• **WORK TO COMPLETE**
Please say how many lines in the records below contain the word "IFCINDEXEDPOLYGONALFACE". Give the number and nothing more.

Collected data
────
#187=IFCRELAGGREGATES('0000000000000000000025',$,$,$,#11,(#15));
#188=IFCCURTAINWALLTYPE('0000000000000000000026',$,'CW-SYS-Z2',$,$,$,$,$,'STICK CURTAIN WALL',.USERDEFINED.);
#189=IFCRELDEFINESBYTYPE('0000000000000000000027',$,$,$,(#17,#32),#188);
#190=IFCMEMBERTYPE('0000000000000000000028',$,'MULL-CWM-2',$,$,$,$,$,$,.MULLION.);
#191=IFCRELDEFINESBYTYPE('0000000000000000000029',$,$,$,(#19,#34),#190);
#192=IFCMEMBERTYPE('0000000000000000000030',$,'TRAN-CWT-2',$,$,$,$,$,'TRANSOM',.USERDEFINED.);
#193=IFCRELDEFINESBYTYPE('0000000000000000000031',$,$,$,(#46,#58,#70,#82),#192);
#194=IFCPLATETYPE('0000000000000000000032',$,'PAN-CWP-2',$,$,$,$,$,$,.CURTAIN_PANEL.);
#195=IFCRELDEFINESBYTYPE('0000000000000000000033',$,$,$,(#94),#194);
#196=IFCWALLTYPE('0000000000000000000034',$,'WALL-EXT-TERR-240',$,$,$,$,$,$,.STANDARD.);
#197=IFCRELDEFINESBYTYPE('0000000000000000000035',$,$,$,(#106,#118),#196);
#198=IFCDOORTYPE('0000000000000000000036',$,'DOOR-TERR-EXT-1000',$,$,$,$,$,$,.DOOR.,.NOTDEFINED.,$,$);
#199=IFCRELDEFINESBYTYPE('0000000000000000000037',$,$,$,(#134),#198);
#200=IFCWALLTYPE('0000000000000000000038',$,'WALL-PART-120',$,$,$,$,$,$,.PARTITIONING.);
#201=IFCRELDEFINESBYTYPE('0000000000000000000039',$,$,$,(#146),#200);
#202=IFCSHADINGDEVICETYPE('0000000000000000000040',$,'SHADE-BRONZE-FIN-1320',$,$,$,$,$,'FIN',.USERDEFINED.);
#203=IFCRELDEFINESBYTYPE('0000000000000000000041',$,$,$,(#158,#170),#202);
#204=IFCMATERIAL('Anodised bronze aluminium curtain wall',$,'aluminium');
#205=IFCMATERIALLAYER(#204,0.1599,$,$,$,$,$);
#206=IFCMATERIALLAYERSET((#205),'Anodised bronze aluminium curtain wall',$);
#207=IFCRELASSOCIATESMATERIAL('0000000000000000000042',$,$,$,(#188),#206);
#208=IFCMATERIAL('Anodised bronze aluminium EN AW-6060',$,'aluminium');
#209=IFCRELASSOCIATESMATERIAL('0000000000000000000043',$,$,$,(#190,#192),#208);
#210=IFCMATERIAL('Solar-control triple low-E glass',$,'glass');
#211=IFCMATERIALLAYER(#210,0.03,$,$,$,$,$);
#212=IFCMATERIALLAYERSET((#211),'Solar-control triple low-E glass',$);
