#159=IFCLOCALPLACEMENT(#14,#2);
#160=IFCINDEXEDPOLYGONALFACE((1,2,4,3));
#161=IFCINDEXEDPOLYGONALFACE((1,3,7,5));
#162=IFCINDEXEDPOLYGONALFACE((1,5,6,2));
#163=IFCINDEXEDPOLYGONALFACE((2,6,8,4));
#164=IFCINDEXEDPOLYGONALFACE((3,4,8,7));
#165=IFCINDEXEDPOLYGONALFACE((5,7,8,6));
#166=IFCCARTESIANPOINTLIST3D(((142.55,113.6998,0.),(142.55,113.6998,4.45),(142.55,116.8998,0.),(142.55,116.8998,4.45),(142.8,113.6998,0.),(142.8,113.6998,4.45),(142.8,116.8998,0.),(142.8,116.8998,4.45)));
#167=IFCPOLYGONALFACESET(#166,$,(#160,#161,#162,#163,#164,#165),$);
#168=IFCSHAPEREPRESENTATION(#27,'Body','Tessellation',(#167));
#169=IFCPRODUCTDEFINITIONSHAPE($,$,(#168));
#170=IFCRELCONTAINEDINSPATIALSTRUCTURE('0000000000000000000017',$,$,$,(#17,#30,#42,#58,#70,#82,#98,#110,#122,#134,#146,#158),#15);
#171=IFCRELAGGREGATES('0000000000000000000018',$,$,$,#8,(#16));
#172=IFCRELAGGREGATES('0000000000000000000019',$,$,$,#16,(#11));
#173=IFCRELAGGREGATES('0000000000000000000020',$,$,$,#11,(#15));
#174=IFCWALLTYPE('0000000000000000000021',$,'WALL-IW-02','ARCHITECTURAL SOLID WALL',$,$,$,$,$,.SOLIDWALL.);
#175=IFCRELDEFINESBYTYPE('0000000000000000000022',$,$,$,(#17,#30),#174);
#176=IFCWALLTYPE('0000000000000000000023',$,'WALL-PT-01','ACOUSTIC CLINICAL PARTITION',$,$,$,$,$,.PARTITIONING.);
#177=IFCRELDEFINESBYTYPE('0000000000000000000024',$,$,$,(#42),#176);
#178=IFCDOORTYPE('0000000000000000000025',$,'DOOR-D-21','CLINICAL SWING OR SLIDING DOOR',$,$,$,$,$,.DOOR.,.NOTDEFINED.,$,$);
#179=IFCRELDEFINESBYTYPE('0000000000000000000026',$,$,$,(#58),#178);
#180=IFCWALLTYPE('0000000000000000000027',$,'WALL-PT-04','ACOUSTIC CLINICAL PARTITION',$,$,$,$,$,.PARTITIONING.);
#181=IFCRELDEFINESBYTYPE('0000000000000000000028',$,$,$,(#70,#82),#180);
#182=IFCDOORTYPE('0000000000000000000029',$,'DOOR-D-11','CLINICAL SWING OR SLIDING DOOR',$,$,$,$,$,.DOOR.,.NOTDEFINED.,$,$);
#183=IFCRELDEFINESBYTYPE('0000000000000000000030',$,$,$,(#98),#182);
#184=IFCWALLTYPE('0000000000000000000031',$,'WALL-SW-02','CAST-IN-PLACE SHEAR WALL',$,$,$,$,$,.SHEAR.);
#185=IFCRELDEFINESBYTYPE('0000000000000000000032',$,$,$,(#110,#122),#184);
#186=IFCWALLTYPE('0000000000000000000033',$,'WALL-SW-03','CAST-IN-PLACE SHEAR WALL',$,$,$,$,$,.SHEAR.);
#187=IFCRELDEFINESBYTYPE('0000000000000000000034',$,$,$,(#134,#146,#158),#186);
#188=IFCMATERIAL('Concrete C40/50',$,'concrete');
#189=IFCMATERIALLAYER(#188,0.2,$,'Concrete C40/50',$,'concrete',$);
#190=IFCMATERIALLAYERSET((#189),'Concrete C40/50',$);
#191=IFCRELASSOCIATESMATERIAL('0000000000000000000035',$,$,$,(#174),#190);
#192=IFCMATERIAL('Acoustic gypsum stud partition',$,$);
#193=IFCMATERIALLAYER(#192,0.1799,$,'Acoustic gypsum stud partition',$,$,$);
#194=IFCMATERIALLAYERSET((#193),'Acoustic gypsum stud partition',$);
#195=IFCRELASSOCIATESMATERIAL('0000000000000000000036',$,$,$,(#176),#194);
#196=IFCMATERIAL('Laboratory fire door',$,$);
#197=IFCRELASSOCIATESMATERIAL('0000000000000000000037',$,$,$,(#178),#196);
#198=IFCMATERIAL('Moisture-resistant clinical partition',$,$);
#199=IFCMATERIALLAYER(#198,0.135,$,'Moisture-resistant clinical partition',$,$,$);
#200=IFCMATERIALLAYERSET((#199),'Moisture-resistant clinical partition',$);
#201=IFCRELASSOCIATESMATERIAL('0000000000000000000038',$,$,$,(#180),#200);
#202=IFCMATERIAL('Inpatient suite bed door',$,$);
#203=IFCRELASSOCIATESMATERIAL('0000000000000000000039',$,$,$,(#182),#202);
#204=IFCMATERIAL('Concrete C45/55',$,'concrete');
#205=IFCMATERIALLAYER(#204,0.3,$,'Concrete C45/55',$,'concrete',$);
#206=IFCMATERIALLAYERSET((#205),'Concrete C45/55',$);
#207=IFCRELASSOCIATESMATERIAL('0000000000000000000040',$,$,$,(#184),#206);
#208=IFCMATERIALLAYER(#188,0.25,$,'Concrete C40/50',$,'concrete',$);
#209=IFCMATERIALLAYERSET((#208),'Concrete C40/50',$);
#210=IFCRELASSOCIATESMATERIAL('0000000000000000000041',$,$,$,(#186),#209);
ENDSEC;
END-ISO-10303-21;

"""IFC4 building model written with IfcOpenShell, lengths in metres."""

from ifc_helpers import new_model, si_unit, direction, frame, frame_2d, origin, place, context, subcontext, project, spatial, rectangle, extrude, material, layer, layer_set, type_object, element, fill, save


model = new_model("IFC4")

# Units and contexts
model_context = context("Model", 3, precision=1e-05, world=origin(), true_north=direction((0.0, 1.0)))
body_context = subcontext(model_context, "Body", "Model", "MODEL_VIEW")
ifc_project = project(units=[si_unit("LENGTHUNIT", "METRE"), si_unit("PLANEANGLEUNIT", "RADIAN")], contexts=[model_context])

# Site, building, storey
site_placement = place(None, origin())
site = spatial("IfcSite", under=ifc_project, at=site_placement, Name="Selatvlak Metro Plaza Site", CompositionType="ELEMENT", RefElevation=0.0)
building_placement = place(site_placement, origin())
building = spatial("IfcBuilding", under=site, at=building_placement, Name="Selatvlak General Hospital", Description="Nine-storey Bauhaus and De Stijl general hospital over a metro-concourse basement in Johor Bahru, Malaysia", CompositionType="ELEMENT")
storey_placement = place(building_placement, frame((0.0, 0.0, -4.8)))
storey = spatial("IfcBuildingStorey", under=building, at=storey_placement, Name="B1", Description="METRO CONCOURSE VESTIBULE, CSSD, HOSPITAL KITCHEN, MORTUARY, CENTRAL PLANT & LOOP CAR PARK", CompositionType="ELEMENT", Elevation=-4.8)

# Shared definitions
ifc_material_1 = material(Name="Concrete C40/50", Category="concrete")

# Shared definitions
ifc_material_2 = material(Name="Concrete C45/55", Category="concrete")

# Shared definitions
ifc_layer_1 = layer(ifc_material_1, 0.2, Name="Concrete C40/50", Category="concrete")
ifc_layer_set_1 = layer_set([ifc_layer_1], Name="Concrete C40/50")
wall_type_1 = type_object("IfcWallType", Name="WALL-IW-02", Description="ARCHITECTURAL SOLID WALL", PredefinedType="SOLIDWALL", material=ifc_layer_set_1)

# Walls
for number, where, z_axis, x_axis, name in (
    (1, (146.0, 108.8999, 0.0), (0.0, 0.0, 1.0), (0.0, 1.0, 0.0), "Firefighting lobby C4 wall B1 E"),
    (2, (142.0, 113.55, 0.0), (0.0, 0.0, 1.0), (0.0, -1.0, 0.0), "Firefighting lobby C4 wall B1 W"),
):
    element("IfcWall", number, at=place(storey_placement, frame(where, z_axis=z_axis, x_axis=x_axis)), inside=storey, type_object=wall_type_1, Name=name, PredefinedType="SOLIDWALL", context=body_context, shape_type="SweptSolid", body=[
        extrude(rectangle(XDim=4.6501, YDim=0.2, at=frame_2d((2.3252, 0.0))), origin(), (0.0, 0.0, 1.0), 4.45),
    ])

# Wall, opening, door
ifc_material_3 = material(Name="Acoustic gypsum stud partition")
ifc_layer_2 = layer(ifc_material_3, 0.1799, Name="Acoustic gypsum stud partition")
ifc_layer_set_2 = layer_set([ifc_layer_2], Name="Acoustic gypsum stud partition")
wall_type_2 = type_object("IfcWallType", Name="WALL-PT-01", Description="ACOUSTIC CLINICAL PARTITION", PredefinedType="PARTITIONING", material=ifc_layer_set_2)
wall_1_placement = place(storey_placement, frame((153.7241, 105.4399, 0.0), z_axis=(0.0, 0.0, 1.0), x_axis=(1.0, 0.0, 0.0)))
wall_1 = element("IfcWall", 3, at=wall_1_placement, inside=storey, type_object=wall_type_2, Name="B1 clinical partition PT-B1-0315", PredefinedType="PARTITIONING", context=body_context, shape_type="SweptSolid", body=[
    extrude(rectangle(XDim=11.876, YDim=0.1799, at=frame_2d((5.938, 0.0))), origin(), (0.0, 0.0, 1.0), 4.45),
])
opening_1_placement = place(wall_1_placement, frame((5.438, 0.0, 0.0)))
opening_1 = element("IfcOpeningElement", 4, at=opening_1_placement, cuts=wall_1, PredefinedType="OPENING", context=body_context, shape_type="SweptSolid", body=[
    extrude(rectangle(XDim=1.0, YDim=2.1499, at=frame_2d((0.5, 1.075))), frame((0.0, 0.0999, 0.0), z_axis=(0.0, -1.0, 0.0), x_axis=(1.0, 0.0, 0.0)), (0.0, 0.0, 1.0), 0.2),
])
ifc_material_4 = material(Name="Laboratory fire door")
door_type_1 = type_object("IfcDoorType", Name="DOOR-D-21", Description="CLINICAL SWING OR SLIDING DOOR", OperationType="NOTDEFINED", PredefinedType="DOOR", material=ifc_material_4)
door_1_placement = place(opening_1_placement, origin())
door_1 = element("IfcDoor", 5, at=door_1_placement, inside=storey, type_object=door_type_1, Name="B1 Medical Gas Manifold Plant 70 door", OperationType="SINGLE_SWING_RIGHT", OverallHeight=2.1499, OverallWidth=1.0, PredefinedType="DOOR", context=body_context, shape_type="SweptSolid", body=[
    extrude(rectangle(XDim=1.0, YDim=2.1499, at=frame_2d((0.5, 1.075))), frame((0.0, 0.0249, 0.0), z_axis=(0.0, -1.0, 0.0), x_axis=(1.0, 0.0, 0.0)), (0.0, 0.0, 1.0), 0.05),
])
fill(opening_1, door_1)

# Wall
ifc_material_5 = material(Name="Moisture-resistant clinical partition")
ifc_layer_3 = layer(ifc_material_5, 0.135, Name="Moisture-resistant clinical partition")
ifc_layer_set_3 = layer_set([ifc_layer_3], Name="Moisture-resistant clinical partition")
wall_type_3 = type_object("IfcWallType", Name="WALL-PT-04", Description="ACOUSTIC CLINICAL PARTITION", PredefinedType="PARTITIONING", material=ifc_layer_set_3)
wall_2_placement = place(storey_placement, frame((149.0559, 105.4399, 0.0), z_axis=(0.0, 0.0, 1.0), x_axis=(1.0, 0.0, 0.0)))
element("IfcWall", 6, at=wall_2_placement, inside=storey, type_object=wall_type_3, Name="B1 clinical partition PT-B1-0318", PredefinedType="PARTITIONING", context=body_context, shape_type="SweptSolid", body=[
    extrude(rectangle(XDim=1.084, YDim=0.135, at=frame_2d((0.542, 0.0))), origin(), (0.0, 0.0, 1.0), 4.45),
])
────
• **WRITTEN SOLUTION**
6